**Supplied information:**
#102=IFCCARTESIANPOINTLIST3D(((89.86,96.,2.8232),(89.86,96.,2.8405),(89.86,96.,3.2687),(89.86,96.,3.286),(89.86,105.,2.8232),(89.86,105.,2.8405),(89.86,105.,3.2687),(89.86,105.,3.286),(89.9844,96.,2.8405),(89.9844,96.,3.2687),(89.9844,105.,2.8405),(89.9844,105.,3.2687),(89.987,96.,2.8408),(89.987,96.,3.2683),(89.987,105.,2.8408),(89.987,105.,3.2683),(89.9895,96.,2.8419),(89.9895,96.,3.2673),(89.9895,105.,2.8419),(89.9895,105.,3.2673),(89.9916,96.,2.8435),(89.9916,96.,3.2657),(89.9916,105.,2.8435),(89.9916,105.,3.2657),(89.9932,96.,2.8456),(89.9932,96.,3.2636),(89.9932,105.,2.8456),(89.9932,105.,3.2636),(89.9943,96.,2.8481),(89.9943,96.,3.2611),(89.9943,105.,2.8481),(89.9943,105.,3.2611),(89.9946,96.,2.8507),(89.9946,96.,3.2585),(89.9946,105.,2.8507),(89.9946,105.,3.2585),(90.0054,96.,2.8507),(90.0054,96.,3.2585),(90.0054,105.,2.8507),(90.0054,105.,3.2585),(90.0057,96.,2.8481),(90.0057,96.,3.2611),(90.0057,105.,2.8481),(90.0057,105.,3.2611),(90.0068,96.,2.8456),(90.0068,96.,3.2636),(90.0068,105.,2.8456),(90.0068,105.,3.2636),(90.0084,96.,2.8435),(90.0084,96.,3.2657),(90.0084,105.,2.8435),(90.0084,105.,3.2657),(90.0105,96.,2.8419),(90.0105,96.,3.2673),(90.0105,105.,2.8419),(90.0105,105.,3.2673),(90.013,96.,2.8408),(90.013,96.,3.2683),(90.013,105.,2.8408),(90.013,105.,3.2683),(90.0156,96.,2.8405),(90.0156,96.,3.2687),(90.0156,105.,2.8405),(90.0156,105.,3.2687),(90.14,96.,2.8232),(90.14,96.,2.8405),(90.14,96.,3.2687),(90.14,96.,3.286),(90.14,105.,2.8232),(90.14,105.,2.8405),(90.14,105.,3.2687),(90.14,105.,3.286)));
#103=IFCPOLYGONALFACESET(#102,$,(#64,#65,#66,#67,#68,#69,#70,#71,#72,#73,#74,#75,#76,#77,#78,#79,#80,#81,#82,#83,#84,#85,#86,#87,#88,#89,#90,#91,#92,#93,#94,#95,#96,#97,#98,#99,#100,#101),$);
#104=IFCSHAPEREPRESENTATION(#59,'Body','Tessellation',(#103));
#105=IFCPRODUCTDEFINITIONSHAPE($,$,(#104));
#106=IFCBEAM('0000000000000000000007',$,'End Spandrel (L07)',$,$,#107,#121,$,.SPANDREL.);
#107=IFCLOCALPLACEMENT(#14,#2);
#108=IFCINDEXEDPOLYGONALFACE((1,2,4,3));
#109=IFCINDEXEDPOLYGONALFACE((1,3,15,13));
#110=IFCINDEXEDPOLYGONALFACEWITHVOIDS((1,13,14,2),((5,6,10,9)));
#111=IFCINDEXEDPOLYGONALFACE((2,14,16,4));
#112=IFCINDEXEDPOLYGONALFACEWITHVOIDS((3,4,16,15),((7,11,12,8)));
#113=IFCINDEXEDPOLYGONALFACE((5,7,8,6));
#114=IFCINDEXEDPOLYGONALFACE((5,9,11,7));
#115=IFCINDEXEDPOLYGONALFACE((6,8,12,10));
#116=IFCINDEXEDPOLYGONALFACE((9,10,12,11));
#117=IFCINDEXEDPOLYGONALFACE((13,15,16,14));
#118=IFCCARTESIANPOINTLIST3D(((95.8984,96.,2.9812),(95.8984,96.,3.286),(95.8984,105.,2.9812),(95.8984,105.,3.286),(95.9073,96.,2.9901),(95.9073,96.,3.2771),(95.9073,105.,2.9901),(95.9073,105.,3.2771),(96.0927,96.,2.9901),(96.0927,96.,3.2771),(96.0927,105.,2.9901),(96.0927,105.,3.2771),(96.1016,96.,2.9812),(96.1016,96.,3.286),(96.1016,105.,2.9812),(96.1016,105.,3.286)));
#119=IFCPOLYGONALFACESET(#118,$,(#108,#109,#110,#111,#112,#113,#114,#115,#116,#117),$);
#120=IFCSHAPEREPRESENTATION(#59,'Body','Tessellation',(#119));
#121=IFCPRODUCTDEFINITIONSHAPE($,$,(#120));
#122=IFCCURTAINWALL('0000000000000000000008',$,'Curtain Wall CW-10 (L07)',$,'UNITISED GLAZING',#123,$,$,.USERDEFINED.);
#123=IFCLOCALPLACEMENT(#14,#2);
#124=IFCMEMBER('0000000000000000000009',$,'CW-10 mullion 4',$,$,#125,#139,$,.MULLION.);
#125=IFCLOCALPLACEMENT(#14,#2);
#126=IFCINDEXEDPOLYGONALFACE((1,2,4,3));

**Description of the task:** Your answer must be the full listing above, reproduced exactly.

**Problem solution:**
#102=IFCCARTESIANPOINTLIST3D(((89.86,96.,2.8232),(89.86,96.,2.8405),(89.86,96.,3.2687),(89.86,96.,3.286),(89.86,105.,2.8232),(89.86,105.,2.8405),(89.86,105.,3.2687),(89.86,105.,3.286),(89.9844,96.,2.8405),(89.9844,96.,3.2687),(89.9844,105.,2.8405),(89.9844,105.,3.2687),(89.987,96.,2.8408),(89.987,96.,3.2683),(89.987,105.,2.8408),(89.987,105.,3.2683),(89.9895,96.,2.8419),(89.9895,96.,3.2673),(89.9895,105.,2.8419),(89.9895,105.,3.2673),(89.9916,96.,2.8435),(89.9916,96.,3.2657),(89.9916,105.,2.8435),(89.9916,105.,3.2657),(89.9932,96.,2.8456),(89.9932,96.,3.2636),(89.9932,105.,2.8456),(89.9932,105.,3.2636),(89.9943,96.,2.8481),(89.9943,96.,3.2611),(89.9943,105.,2.8481),(89.9943,105.,3.2611),(89.9946,96.,2.8507),(89.9946,96.,3.2585),(89.9946,105.,2.8507),(89.9946,105.,3.2585),(90.0054,96.,2.8507),(90.0054,96.,3.2585),(90.0054,105.,2.8507),(90.0054,105.,3.2585),(90.0057,96.,2.8481),(90.0057,96.,3.2611),(90.0057,105.,2.8481),(90.0057,105.,3.2611),(90.0068,96.,2.8456),(90.0068,96.,3.2636),(90.0068,105.,2.8456),(90.0068,105.,3.2636),(90.0084,96.,2.8435),(90.0084,96.,3.2657),(90.0084,105.,2.8435),(90.0084,105.,3.2657),(90.0105,96.,2.8419),(90.0105,96.,3.2673),(90.0105,105.,2.8419),(90.0105,105.,3.2673),(90.013,96.,2.8408),(90.013,96.,3.2683),(90.013,105.,2.8408),(90.013,105.,3.2683),(90.0156,96.,2.8405),(90.0156,96.,3.2687),(90.0156,105.,2.8405),(90.0156,105.,3.2687),(90.14,96.,2.8232),(90.14,96.,2.8405),(90.14,96.,3.2687),(90.14,96.,3.286),(90.14,105.,2.8232),(90.14,105.,2.8405),(90.14,105.,3.2687),(90.14,105.,3.286)));
#103=IFCPOLYGONALFACESET(#102,$,(#64,#65,#66,#67,#68,#69,#70,#71,#72,#73,#74,#75,#76,#77,#78,#79,#80,#81,#82,#83,#84,#85,#86,#87,#88,#89,#90,#91,#92,#93,#94,#95,#96,#97,#98,#99,#100,#101),$);
#104=IFCSHAPEREPRESENTATION(#59,'Body','Tessellation',(#103));
#105=IFCPRODUCTDEFINITIONSHAPE($,$,(#104));
#106=IFCBEAM('0000000000000000000007',$,'End Spandrel (L07)',$,$,#107,#121,$,.SPANDREL.);
#107=IFCLOCALPLACEMENT(#14,#2);
#108=IFCINDEXEDPOLYGONALFACE((1,2,4,3));
#109=IFCINDEXEDPOLYGONALFACE((1,3,15,13));
#110=IFCINDEXEDPOLYGONALFACEWITHVOIDS((1,13,14,2),((5,6,10,9)));
#111=IFCINDEXEDPOLYGONALFACE((2,14,16,4));
#112=IFCINDEXEDPOLYGONALFACEWITHVOIDS((3,4,16,15),((7,11,12,8)));
#113=IFCINDEXEDPOLYGONALFACE((5,7,8,6));
#114=IFCINDEXEDPOLYGONALFACE((5,9,11,7));
#115=IFCINDEXEDPOLYGONALFACE((6,8,12,10));
#116=IFCINDEXEDPOLYGONALFACE((9,10,12,11));
#117=IFCINDEXEDPOLYGONALFACE((13,15,16,14));
#118=IFCCARTESIANPOINTLIST3D(((95.8984,96.,2.9812),(95.8984,96.,3.286),(95.8984,105.,2.9812),(95.8984,105.,3.286),(95.9073,96.,2.9901),(95.9073,96.,3.2771),(95.9073,105.,2.9901),(95.9073,105.,3.2771),(96.0927,96.,2.9901),(96.0927,96.,3.2771),(96.0927,105.,2.9901),(96.0927,105.,3.2771),(96.1016,96.,2.9812),(96.1016,96.,3.286),(96.1016,105.,2.9812),(96.1016,105.,3.286)));
#119=IFCPOLYGONALFACESET(#118,$,(#108,#109,#110,#111,#112,#113,#114,#115,#116,#117),$);
#120=IFCSHAPEREPRESENTATION(#59,'Body','Tessellation',(#119));
#121=IFCPRODUCTDEFINITIONSHAPE($,$,(#120));
#122=IFCCURTAINWALL('0000000000000000000008',$,'Curtain Wall CW-10 (L07)',$,'UNITISED GLAZING',#123,$,$,.USERDEFINED.);
#123=IFCLOCALPLACEMENT(#14,#2);
#124=IFCMEMBER('0000000000000000000009',$,'CW-10 mullion 4',$,$,#125,#139,$,.MULLION.);
#125=IFCLOCALPLACEMENT(#14,#2);
#126=IFCINDEXEDPOLYGONALFACE((1,2,4,3));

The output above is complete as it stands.